- What the task asks
In the listing below, the line containing "#18=IFCLOCALPLACEMENT(#14,#2);" marks the end; copy exactly every line from the first through that one.
-------- Data extract
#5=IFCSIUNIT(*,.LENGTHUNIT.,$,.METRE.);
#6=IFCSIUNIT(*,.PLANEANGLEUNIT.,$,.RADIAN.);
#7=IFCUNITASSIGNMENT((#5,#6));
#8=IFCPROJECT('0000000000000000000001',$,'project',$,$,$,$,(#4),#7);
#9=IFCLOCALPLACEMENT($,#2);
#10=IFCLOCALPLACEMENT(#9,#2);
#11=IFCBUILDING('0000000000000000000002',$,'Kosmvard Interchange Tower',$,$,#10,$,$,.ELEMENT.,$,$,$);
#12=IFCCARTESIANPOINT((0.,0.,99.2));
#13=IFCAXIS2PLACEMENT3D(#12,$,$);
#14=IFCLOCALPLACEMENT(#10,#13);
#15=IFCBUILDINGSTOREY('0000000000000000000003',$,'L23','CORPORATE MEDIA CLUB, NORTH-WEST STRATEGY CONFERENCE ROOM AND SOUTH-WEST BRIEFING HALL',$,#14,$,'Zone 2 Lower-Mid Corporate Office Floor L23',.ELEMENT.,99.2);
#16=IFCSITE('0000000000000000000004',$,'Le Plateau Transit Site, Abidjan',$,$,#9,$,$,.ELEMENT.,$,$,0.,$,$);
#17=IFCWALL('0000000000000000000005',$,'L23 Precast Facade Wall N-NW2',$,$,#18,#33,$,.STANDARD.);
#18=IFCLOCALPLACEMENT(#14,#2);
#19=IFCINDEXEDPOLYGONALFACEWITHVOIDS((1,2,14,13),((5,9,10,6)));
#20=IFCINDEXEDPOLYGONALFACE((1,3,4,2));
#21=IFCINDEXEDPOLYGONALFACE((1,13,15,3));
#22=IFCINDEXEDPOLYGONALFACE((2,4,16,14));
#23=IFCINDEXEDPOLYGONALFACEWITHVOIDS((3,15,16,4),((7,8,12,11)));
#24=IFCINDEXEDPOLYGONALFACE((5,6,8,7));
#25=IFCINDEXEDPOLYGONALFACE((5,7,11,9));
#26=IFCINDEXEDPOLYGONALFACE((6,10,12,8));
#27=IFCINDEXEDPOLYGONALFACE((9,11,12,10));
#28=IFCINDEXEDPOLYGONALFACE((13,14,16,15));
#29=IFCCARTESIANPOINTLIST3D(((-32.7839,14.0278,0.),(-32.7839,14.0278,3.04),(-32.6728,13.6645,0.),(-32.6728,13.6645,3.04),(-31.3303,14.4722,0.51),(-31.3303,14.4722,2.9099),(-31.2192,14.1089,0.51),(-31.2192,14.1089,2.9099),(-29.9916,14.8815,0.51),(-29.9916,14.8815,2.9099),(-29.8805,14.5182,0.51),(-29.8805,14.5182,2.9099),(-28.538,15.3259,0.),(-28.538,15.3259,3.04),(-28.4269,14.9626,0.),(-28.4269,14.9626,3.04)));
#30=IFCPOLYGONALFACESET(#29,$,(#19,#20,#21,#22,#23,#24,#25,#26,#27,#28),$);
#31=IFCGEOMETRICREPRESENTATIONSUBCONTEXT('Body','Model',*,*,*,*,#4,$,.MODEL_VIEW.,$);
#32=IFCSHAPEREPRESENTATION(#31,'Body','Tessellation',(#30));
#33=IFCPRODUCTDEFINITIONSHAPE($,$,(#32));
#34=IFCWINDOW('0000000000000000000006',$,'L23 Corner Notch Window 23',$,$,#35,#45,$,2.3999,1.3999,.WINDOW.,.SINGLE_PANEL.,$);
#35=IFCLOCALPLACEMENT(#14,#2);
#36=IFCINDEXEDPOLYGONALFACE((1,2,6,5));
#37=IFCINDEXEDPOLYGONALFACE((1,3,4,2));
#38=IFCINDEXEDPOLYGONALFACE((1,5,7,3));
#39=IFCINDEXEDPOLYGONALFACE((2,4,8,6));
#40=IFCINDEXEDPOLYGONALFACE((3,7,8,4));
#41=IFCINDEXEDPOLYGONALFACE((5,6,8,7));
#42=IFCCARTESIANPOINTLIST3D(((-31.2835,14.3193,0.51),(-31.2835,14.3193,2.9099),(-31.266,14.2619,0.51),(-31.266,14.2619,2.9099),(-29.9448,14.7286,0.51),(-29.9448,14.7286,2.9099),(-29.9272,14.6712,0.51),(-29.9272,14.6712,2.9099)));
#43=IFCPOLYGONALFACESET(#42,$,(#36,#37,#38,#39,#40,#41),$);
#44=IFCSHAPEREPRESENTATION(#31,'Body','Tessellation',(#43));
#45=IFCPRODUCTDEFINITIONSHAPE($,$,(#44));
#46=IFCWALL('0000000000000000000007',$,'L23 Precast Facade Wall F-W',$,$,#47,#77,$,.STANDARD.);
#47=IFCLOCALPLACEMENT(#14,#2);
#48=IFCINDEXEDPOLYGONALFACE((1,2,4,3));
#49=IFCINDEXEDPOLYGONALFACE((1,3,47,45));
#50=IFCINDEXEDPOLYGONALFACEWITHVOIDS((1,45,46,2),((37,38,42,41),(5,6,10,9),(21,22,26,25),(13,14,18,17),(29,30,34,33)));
----------------
- Answer
#5=IFCSIUNIT(*,.LENGTHUNIT.,$,.METRE.);
#6=IFCSIUNIT(*,.PLANEANGLEUNIT.,$,.RADIAN.);
#7=IFCUNITASSIGNMENT((#5,#6));
#8=IFCPROJECT('0000000000000000000001',$,'project',$,$,$,$,(#4),#7);
#9=IFCLOCALPLACEMENT($,#2);
#10=IFCLOCALPLACEMENT(#9,#2);
#11=IFCBUILDING('0000000000000000000002',$,'Kosmvard Interchange Tower',$,$,#10,$,$,.ELEMENT.,$,$,$);
#12=IFCCARTESIANPOINT((0.,0.,99.2));
#13=IFCAXIS2PLACEMENT3D(#12,$,$);
#14=IFCLOCALPLACEMENT(#10,#13);
#15=IFCBUILDINGSTOREY('0000000000000000000003',$,'L23','CORPORATE MEDIA CLUB, NORTH-WEST STRATEGY CONFERENCE ROOM AND SOUTH-WEST BRIEFING HALL',$,#14,$,'Zone 2 Lower-Mid Corporate Office Floor L23',.ELEMENT.,99.2);
#16=IFCSITE('0000000000000000000004',$,'Le Plateau Transit Site, Abidjan',$,$,#9,$,$,.ELEMENT.,$,$,0.,$,$);
#17=IFCWALL('0000000000000000000005',$,'L23 Precast Facade Wall N-NW2',$,$,#18,#33,$,.STANDARD.);
#18=IFCLOCALPLACEMENT(#14,#2);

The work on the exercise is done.